**Saved entries**
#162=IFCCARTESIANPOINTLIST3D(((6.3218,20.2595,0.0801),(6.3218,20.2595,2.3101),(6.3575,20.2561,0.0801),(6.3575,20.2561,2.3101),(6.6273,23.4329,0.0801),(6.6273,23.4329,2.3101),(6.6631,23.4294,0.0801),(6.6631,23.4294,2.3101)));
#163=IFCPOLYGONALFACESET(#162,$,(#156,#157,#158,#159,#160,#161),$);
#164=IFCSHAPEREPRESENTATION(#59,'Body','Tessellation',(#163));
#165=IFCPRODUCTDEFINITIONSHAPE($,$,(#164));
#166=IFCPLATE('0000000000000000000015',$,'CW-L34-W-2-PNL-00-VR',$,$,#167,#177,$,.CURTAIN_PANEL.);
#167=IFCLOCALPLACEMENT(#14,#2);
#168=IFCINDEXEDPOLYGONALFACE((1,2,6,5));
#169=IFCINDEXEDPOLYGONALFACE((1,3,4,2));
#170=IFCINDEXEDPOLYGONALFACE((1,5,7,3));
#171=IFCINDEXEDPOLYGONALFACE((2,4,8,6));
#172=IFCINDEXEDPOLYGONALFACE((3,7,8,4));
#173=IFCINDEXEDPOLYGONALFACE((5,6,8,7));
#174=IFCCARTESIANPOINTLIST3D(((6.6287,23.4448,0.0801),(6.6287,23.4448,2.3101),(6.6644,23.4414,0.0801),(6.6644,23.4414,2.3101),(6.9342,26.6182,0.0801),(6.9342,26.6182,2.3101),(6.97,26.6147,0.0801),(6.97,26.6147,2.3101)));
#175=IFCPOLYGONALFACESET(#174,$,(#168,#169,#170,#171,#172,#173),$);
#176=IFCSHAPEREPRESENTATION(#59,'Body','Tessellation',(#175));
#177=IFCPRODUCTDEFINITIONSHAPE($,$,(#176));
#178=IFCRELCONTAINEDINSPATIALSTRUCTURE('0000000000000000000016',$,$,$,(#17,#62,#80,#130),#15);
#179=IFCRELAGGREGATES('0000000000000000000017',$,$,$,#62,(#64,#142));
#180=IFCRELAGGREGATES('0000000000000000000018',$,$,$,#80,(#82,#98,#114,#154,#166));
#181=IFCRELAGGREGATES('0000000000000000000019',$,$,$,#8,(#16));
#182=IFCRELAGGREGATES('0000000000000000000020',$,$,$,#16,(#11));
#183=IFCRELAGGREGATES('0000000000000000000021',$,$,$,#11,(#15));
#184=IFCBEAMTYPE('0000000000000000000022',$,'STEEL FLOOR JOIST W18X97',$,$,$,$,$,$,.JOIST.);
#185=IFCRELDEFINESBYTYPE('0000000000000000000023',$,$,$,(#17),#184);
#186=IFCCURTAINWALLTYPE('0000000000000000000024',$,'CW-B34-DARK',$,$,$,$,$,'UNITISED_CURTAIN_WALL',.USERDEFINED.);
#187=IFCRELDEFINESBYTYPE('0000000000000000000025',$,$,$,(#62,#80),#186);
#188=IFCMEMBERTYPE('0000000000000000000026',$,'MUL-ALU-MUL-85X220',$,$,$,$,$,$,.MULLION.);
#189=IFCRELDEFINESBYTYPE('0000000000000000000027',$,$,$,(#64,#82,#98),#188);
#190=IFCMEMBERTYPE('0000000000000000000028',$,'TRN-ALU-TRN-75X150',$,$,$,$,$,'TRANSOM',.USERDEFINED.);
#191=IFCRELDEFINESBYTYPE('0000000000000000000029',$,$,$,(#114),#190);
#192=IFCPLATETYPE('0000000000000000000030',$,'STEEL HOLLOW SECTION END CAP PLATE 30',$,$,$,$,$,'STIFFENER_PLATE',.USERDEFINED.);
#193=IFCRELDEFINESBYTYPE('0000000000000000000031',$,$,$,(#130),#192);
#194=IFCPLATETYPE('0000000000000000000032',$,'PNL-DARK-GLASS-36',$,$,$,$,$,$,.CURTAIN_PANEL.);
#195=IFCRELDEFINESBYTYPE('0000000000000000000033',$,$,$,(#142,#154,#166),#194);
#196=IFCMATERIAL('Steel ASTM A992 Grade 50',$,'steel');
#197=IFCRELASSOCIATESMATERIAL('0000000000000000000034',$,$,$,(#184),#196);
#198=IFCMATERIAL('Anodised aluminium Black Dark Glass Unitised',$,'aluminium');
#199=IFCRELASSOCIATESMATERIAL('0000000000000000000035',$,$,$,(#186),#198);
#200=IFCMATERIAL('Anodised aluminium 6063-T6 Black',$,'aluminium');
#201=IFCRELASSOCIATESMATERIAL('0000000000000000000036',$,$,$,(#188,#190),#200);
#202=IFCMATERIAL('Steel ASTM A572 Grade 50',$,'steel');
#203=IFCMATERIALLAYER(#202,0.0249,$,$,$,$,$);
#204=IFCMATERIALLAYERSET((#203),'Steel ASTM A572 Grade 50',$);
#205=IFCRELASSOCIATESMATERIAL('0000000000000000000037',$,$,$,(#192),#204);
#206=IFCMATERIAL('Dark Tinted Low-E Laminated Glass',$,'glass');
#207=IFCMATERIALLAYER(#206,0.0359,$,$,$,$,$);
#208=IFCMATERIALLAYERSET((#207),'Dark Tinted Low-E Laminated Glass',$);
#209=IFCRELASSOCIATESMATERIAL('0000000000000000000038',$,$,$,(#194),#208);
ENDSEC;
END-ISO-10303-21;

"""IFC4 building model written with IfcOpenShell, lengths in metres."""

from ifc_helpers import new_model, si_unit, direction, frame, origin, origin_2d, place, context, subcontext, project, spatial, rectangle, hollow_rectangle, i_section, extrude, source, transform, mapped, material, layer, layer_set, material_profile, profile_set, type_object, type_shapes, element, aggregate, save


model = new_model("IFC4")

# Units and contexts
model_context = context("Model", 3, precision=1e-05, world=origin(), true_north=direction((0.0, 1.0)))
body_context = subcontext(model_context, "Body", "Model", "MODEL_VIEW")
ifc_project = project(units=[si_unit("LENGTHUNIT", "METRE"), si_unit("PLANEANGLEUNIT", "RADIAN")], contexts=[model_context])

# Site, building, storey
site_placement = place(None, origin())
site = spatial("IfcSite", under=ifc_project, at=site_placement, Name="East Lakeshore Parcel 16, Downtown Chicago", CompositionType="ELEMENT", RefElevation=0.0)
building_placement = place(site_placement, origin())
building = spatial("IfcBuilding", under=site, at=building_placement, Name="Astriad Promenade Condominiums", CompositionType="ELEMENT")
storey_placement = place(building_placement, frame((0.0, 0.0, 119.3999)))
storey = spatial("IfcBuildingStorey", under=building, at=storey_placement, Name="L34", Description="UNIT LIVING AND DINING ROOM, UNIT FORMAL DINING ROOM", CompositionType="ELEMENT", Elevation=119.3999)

**Exercise aim**
Write the opening line of the data above and every line after it, exactly, stopping once you have written the line with "#171=IFCINDEXEDPOLYGONALFACE((2,4,8,6));".

**Task result**
#162=IFCCARTESIANPOINTLIST3D(((6.3218,20.2595,0.0801),(6.3218,20.2595,2.3101),(6.3575,20.2561,0.0801),(6.3575,20.2561,2.3101),(6.6273,23.4329,0.0801),(6.6273,23.4329,2.3101),(6.6631,23.4294,0.0801),(6.6631,23.4294,2.3101)));
#163=IFCPOLYGONALFACESET(#162,$,(#156,#157,#158,#159,#160,#161),$);
#164=IFCSHAPEREPRESENTATION(#59,'Body','Tessellation',(#163));
#165=IFCPRODUCTDEFINITIONSHAPE($,$,(#164));
#166=IFCPLATE('0000000000000000000015',$,'CW-L34-W-2-PNL-00-VR',$,$,#167,#177,$,.CURTAIN_PANEL.);
#167=IFCLOCALPLACEMENT(#14,#2);
#168=IFCINDEXEDPOLYGONALFACE((1,2,6,5));
#169=IFCINDEXEDPOLYGONALFACE((1,3,4,2));
#170=IFCINDEXEDPOLYGONALFACE((1,5,7,3));
#171=IFCINDEXEDPOLYGONALFACE((2,4,8,6));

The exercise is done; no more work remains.